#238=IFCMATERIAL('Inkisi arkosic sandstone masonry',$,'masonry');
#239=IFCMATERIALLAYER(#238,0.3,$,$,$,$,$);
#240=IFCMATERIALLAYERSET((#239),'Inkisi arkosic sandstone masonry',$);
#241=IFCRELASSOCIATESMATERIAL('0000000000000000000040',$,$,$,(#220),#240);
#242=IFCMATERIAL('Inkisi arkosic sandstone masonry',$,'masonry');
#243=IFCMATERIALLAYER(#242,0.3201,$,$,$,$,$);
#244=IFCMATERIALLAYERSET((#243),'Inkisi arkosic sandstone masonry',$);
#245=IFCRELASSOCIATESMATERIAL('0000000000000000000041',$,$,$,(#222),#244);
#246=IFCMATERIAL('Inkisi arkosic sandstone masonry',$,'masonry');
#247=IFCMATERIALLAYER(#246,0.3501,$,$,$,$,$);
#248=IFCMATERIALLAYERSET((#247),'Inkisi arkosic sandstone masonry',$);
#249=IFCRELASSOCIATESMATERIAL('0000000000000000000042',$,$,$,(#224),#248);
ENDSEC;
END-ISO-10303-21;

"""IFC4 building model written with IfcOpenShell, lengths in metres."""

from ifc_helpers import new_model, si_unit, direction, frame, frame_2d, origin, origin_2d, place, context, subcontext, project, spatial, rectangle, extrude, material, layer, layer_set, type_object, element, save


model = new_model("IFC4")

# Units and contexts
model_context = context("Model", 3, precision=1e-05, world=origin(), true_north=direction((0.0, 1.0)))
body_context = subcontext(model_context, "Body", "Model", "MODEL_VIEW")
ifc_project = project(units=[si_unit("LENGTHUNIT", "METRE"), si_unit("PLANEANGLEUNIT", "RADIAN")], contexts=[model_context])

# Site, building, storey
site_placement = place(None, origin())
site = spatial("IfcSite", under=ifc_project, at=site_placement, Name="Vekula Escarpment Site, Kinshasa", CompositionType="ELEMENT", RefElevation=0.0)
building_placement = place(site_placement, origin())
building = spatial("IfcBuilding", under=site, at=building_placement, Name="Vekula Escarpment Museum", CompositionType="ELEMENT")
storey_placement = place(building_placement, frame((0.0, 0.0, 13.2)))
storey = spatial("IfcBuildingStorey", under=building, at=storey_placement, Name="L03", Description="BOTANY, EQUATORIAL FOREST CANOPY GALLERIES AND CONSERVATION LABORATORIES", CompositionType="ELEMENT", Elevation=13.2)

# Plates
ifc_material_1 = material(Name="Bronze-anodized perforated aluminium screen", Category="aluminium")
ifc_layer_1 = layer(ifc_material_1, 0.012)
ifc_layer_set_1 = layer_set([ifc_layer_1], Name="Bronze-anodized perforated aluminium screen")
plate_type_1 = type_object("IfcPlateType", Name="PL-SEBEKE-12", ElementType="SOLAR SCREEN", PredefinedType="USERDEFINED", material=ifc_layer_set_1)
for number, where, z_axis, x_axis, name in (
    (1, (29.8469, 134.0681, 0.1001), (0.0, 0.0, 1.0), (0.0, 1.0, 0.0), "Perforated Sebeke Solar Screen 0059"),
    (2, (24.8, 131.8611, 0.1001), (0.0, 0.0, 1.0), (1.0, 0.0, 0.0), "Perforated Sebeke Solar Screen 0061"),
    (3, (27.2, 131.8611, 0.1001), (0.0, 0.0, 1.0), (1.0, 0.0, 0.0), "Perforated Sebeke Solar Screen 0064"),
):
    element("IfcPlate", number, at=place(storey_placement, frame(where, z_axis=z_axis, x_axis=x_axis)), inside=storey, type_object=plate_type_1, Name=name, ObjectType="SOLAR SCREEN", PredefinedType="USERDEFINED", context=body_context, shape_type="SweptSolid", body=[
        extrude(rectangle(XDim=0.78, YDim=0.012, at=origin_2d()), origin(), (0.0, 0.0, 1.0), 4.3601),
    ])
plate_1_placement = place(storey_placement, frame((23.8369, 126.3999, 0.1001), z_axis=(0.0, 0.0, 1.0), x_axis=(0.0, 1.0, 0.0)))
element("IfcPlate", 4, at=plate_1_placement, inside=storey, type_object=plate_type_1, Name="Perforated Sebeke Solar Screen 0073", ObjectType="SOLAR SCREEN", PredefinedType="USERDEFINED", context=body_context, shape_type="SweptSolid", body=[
◆ ◆ ◆
*WHAT NEEDS TO BE DONE*
So that nothing is lost, return the listing exactly and completely.

*RESPONSE BELOW*
#238=IFCMATERIAL('Inkisi arkosic sandstone masonry',$,'masonry');
#239=IFCMATERIALLAYER(#238,0.3,$,$,$,$,$);
#240=IFCMATERIALLAYERSET((#239),'Inkisi arkosic sandstone masonry',$);
#241=IFCRELASSOCIATESMATERIAL('0000000000000000000040',$,$,$,(#220),#240);
#242=IFCMATERIAL('Inkisi arkosic sandstone masonry',$,'masonry');
#243=IFCMATERIALLAYER(#242,0.3201,$,$,$,$,$);
#244=IFCMATERIALLAYERSET((#243),'Inkisi arkosic sandstone masonry',$);
#245=IFCRELASSOCIATESMATERIAL('0000000000000000000041',$,$,$,(#222),#244);
#246=IFCMATERIAL('Inkisi arkosic sandstone masonry',$,'masonry');
#247=IFCMATERIALLAYER(#246,0.3501,$,$,$,$,$);
#248=IFCMATERIALLAYERSET((#247),'Inkisi arkosic sandstone masonry',$);
#249=IFCRELASSOCIATESMATERIAL('0000000000000000000042',$,$,$,(#224),#248);
ENDSEC;
END-ISO-10303-21;

"""IFC4 building model written with IfcOpenShell, lengths in metres."""

from ifc_helpers import new_model, si_unit, direction, frame, frame_2d, origin, origin_2d, place, context, subcontext, project, spatial, rectangle, extrude, material, layer, layer_set, type_object, element, save


model = new_model("IFC4")

# Units and contexts
model_context = context("Model", 3, precision=1e-05, world=origin(), true_north=direction((0.0, 1.0)))
body_context = subcontext(model_context, "Body", "Model", "MODEL_VIEW")
ifc_project = project(units=[si_unit("LENGTHUNIT", "METRE"), si_unit("PLANEANGLEUNIT", "RADIAN")], contexts=[model_context])

# Site, building, storey
site_placement = place(None, origin())
site = spatial("IfcSite", under=ifc_project, at=site_placement, Name="Vekula Escarpment Site, Kinshasa", CompositionType="ELEMENT", RefElevation=0.0)
building_placement = place(site_placement, origin())
building = spatial("IfcBuilding", under=site, at=building_placement, Name="Vekula Escarpment Museum", CompositionType="ELEMENT")
storey_placement = place(building_placement, frame((0.0, 0.0, 13.2)))
storey = spatial("IfcBuildingStorey", under=building, at=storey_placement, Name="L03", Description="BOTANY, EQUATORIAL FOREST CANOPY GALLERIES AND CONSERVATION LABORATORIES", CompositionType="ELEMENT", Elevation=13.2)

# Plates
ifc_material_1 = material(Name="Bronze-anodized perforated aluminium screen", Category="aluminium")
ifc_layer_1 = layer(ifc_material_1, 0.012)
ifc_layer_set_1 = layer_set([ifc_layer_1], Name="Bronze-anodized perforated aluminium screen")
plate_type_1 = type_object("IfcPlateType", Name="PL-SEBEKE-12", ElementType="SOLAR SCREEN", PredefinedType="USERDEFINED", material=ifc_layer_set_1)
for number, where, z_axis, x_axis, name in (
    (1, (29.8469, 134.0681, 0.1001), (0.0, 0.0, 1.0), (0.0, 1.0, 0.0), "Perforated Sebeke Solar Screen 0059"),
    (2, (24.8, 131.8611, 0.1001), (0.0, 0.0, 1.0), (1.0, 0.0, 0.0), "Perforated Sebeke Solar Screen 0061"),
    (3, (27.2, 131.8611, 0.1001), (0.0, 0.0, 1.0), (1.0, 0.0, 0.0), "Perforated Sebeke Solar Screen 0064"),
):
    element("IfcPlate", number, at=place(storey_placement, frame(where, z_axis=z_axis, x_axis=x_axis)), inside=storey, type_object=plate_type_1, Name=name, ObjectType="SOLAR SCREEN", PredefinedType="USERDEFINED", context=body_context, shape_type="SweptSolid", body=[
        extrude(rectangle(XDim=0.78, YDim=0.012, at=origin_2d()), origin(), (0.0, 0.0, 1.0), 4.3601),
    ])
plate_1_placement = place(storey_placement, frame((23.8369, 126.3999, 0.1001), z_axis=(0.0, 0.0, 1.0), x_axis=(0.0, 1.0, 0.0)))
element("IfcPlate", 4, at=plate_1_placement, inside=storey, type_object=plate_type_1, Name="Perforated Sebeke Solar Screen 0073", ObjectType="SOLAR SCREEN", PredefinedType="USERDEFINED", context=body_context, shape_type="SweptSolid", body=[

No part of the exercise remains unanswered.